Saved entries

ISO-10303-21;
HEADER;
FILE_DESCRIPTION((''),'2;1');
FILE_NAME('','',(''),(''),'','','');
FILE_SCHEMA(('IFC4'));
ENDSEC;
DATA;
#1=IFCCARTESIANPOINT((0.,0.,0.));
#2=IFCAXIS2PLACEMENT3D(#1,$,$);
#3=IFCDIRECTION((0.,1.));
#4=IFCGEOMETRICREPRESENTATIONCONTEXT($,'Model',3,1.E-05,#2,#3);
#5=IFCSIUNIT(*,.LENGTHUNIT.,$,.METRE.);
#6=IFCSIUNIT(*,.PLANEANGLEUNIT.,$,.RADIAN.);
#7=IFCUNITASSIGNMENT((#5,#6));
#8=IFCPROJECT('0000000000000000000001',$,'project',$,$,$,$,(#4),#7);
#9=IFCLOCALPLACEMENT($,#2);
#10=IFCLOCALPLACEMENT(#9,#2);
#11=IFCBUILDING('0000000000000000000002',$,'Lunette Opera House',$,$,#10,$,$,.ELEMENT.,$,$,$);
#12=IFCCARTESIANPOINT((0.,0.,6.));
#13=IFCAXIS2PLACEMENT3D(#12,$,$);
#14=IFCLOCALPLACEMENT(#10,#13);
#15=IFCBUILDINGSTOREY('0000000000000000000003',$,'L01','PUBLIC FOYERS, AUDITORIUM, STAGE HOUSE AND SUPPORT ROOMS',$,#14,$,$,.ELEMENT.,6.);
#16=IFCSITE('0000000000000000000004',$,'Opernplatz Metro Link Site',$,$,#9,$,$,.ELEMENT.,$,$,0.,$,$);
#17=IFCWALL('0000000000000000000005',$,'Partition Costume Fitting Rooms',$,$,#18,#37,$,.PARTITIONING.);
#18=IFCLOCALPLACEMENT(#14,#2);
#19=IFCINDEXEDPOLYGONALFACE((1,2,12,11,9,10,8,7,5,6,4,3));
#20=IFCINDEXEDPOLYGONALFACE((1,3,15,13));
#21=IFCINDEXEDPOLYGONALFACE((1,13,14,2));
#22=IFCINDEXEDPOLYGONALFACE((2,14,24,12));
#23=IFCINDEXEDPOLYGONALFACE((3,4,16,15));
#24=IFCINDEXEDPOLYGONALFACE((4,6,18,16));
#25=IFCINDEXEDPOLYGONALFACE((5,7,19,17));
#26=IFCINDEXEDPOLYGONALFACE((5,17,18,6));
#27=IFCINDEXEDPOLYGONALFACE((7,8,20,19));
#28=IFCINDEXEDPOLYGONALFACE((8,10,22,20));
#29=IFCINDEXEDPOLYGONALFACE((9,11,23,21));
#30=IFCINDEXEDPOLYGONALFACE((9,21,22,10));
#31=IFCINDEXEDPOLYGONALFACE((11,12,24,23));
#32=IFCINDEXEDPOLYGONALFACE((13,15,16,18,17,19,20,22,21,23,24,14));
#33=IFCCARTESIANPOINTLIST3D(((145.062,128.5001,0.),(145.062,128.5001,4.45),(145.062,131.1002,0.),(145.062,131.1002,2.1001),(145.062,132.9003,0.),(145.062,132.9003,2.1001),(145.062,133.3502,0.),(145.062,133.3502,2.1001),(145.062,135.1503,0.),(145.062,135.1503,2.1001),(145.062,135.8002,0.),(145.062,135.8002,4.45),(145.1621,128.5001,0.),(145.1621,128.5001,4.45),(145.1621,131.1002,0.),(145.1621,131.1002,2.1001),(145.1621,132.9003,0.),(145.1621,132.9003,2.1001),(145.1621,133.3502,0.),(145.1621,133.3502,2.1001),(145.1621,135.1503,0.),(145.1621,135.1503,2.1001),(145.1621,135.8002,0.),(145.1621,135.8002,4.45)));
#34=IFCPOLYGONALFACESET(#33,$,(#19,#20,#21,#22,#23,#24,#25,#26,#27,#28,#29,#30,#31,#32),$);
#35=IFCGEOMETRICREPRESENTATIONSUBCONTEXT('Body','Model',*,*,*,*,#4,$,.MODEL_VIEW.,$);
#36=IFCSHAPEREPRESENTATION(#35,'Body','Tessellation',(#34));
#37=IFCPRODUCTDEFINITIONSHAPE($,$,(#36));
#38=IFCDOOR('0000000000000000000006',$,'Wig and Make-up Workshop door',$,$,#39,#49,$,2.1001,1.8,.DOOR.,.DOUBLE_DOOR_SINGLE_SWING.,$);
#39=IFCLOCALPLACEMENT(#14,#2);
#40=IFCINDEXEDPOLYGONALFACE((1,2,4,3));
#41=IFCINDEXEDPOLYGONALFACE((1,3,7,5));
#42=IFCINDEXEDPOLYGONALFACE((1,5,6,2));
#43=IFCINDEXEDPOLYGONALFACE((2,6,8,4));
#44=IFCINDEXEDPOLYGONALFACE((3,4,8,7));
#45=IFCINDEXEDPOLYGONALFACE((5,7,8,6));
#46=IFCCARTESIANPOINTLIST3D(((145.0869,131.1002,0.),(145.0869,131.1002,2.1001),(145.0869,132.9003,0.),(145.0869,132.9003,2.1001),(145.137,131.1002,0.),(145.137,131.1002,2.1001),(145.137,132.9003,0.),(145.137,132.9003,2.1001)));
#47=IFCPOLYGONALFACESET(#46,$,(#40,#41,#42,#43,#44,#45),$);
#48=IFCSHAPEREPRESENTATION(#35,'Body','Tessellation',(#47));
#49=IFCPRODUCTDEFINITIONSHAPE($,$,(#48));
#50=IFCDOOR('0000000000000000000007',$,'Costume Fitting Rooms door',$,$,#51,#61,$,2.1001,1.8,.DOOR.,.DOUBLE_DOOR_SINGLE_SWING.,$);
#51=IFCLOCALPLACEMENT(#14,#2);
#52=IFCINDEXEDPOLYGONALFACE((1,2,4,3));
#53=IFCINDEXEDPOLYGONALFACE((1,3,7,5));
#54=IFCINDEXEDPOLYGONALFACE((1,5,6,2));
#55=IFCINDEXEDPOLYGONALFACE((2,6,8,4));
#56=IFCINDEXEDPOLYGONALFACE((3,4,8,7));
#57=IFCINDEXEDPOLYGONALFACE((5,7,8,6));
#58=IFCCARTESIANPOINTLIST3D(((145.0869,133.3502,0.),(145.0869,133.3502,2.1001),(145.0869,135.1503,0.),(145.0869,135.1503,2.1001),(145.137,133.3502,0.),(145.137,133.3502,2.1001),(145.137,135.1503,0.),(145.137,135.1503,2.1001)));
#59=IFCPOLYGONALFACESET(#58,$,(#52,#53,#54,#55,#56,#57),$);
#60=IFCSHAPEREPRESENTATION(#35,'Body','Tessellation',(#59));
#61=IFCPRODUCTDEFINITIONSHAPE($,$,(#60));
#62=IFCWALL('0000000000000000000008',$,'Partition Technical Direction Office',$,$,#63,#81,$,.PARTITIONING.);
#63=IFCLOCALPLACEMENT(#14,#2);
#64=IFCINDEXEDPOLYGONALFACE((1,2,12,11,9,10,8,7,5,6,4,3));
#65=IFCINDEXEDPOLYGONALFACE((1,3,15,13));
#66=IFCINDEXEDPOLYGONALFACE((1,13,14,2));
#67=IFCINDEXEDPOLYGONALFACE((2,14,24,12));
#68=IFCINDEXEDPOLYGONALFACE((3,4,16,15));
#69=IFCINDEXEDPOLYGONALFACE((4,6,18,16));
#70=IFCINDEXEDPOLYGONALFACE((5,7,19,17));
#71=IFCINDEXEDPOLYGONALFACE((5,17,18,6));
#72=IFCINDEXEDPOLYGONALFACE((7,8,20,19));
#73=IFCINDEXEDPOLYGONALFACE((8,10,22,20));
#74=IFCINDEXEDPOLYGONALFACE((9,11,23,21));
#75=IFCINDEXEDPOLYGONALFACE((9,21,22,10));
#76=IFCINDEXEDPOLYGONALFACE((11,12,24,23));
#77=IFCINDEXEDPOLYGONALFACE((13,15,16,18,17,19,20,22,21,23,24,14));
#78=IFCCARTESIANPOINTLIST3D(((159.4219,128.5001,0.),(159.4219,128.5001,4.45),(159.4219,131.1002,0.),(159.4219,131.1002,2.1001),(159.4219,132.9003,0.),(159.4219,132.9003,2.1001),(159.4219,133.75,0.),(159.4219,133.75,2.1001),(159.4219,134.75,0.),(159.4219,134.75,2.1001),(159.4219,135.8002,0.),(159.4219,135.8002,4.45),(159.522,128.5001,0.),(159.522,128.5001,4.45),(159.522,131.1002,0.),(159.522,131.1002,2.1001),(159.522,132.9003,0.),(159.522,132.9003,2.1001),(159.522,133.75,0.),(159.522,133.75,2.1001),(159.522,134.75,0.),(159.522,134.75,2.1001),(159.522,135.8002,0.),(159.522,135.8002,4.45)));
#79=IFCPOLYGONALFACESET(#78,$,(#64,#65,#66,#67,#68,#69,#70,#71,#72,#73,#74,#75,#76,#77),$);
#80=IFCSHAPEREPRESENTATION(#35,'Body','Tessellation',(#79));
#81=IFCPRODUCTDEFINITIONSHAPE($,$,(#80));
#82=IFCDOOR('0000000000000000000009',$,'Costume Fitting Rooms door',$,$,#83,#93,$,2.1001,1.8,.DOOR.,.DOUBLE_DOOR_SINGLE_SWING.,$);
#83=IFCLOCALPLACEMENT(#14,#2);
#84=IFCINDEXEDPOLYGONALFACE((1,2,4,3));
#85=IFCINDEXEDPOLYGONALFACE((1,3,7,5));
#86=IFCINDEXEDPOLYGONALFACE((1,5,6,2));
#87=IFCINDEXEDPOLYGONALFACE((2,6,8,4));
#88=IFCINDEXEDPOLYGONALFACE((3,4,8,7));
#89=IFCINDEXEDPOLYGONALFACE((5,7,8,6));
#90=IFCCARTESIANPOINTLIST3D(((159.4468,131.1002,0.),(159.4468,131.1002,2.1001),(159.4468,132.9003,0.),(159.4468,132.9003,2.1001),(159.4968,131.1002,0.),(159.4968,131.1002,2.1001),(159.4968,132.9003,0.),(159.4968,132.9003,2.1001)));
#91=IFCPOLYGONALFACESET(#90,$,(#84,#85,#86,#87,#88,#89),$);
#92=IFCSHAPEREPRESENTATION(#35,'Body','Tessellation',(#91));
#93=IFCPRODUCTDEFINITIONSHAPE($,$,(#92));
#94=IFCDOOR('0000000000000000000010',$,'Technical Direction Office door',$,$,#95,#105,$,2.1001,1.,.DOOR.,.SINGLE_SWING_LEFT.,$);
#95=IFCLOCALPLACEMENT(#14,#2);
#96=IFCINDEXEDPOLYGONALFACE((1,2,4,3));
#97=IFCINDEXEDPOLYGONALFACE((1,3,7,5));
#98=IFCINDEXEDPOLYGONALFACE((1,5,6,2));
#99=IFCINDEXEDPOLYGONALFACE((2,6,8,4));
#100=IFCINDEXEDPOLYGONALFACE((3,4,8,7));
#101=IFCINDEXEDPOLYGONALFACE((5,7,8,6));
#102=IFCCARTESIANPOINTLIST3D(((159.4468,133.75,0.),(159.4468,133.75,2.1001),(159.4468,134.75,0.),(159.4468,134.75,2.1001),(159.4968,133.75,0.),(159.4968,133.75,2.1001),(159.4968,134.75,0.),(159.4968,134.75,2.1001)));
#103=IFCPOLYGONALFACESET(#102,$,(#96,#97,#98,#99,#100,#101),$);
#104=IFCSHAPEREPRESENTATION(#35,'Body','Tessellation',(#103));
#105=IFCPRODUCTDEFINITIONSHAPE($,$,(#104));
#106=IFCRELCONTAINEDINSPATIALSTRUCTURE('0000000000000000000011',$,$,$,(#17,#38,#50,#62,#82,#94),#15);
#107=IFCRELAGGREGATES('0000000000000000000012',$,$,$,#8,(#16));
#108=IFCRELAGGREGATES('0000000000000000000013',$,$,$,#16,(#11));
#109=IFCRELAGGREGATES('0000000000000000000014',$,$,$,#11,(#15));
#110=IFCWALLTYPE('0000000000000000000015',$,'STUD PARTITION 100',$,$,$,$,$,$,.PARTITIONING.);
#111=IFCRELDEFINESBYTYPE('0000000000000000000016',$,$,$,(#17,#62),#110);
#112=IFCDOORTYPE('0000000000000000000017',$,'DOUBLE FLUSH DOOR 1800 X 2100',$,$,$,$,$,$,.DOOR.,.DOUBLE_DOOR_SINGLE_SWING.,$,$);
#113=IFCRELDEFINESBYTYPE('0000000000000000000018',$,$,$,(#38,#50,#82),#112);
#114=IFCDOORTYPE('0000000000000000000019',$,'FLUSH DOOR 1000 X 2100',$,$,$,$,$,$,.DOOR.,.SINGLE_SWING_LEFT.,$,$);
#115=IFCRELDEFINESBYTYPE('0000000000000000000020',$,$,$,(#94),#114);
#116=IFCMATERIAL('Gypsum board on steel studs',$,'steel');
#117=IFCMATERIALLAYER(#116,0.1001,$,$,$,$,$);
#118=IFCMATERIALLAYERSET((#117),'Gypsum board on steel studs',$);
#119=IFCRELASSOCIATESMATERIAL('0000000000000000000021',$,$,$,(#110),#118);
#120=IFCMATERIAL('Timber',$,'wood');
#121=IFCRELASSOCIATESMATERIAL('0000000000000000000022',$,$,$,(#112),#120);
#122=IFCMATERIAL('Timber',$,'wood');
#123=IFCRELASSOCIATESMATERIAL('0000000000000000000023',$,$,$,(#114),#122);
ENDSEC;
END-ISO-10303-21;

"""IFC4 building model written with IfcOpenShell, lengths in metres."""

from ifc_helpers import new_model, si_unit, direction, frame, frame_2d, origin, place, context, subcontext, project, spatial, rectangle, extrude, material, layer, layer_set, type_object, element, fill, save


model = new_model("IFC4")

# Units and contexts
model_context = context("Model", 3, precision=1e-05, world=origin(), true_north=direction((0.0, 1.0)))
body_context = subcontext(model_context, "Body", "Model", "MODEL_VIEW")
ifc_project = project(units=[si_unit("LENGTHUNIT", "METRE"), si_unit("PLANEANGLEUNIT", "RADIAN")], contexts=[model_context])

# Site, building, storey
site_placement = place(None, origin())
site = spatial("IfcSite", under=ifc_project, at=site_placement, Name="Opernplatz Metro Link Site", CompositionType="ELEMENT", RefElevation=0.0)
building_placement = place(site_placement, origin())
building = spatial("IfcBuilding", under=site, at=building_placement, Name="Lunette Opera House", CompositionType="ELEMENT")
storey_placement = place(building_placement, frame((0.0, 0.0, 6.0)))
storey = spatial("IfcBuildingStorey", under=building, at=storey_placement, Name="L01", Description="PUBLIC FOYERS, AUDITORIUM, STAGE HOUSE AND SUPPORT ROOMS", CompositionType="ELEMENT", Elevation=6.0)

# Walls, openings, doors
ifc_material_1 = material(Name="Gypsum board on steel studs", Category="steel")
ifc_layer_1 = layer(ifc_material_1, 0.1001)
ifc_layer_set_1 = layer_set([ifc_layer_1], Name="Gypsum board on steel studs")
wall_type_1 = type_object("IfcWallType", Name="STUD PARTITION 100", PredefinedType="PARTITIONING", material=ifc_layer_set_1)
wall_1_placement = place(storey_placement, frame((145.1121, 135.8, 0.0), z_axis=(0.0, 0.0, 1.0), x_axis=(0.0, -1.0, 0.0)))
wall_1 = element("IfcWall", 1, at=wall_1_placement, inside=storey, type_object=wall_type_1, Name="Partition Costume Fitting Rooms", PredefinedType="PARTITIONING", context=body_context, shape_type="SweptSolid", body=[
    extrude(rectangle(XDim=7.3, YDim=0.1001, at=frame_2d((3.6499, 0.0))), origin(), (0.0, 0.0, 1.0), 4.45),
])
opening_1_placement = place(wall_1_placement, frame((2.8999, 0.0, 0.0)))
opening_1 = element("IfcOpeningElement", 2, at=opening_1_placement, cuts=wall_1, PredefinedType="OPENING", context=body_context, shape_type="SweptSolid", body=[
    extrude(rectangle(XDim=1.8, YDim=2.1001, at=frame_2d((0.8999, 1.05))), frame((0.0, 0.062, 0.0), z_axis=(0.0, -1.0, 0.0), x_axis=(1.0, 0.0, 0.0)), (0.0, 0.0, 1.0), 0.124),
--
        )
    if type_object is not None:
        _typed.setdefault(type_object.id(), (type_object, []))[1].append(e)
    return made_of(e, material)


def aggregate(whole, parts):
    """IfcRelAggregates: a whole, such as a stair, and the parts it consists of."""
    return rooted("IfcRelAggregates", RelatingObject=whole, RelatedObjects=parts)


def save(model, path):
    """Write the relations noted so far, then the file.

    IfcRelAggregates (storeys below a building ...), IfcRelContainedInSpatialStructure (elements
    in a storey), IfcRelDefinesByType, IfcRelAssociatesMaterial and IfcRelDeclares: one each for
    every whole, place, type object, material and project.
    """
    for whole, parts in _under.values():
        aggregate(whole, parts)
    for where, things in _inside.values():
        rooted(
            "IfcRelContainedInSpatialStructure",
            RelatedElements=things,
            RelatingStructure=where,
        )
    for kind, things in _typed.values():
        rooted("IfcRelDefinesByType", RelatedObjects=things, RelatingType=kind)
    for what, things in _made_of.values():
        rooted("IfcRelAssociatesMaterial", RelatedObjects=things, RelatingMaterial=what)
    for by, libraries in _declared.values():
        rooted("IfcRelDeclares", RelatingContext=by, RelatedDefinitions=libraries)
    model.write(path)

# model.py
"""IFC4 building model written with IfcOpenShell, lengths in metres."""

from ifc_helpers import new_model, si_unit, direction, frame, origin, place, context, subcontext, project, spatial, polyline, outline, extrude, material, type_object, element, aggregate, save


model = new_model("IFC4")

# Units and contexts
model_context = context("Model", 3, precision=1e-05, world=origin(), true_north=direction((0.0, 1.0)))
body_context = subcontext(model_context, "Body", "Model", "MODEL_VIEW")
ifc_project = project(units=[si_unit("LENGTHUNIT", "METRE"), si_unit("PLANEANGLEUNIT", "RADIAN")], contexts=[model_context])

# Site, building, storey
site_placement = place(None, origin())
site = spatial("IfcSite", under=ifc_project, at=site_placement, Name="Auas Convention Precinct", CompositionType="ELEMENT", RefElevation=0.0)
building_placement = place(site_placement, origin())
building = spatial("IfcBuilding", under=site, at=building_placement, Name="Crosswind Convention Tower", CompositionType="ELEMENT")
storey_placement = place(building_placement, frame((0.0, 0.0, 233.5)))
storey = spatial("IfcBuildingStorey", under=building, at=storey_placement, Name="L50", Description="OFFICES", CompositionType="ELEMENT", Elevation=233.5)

[Aim of the exercise] All that is wanted is a faithful reproduction of the line above with "#5=IFCSIUNIT(*,.LENGTHUNIT.,$,.METRE.);", the line with "#14=IFCLOCALPLACEMENT(#10,#13);", and every line in between.

[Exercise solution]
#5=IFCSIUNIT(*,.LENGTHUNIT.,$,.METRE.);
#6=IFCSIUNIT(*,.PLANEANGLEUNIT.,$,.RADIAN.);
#7=IFCUNITASSIGNMENT((#5,#6));
#8=IFCPROJECT('0000000000000000000001',$,'project',$,$,$,$,(#4),#7);
#9=IFCLOCALPLACEMENT($,#2);
#10=IFCLOCALPLACEMENT(#9,#2);
#11=IFCBUILDING('0000000000000000000002',$,'Lunette Opera House',$,$,#10,$,$,.ELEMENT.,$,$,$);
#12=IFCCARTESIANPOINT((0.,0.,6.));
#13=IFCAXIS2PLACEMENT3D(#12,$,$);
#14=IFCLOCALPLACEMENT(#10,#13);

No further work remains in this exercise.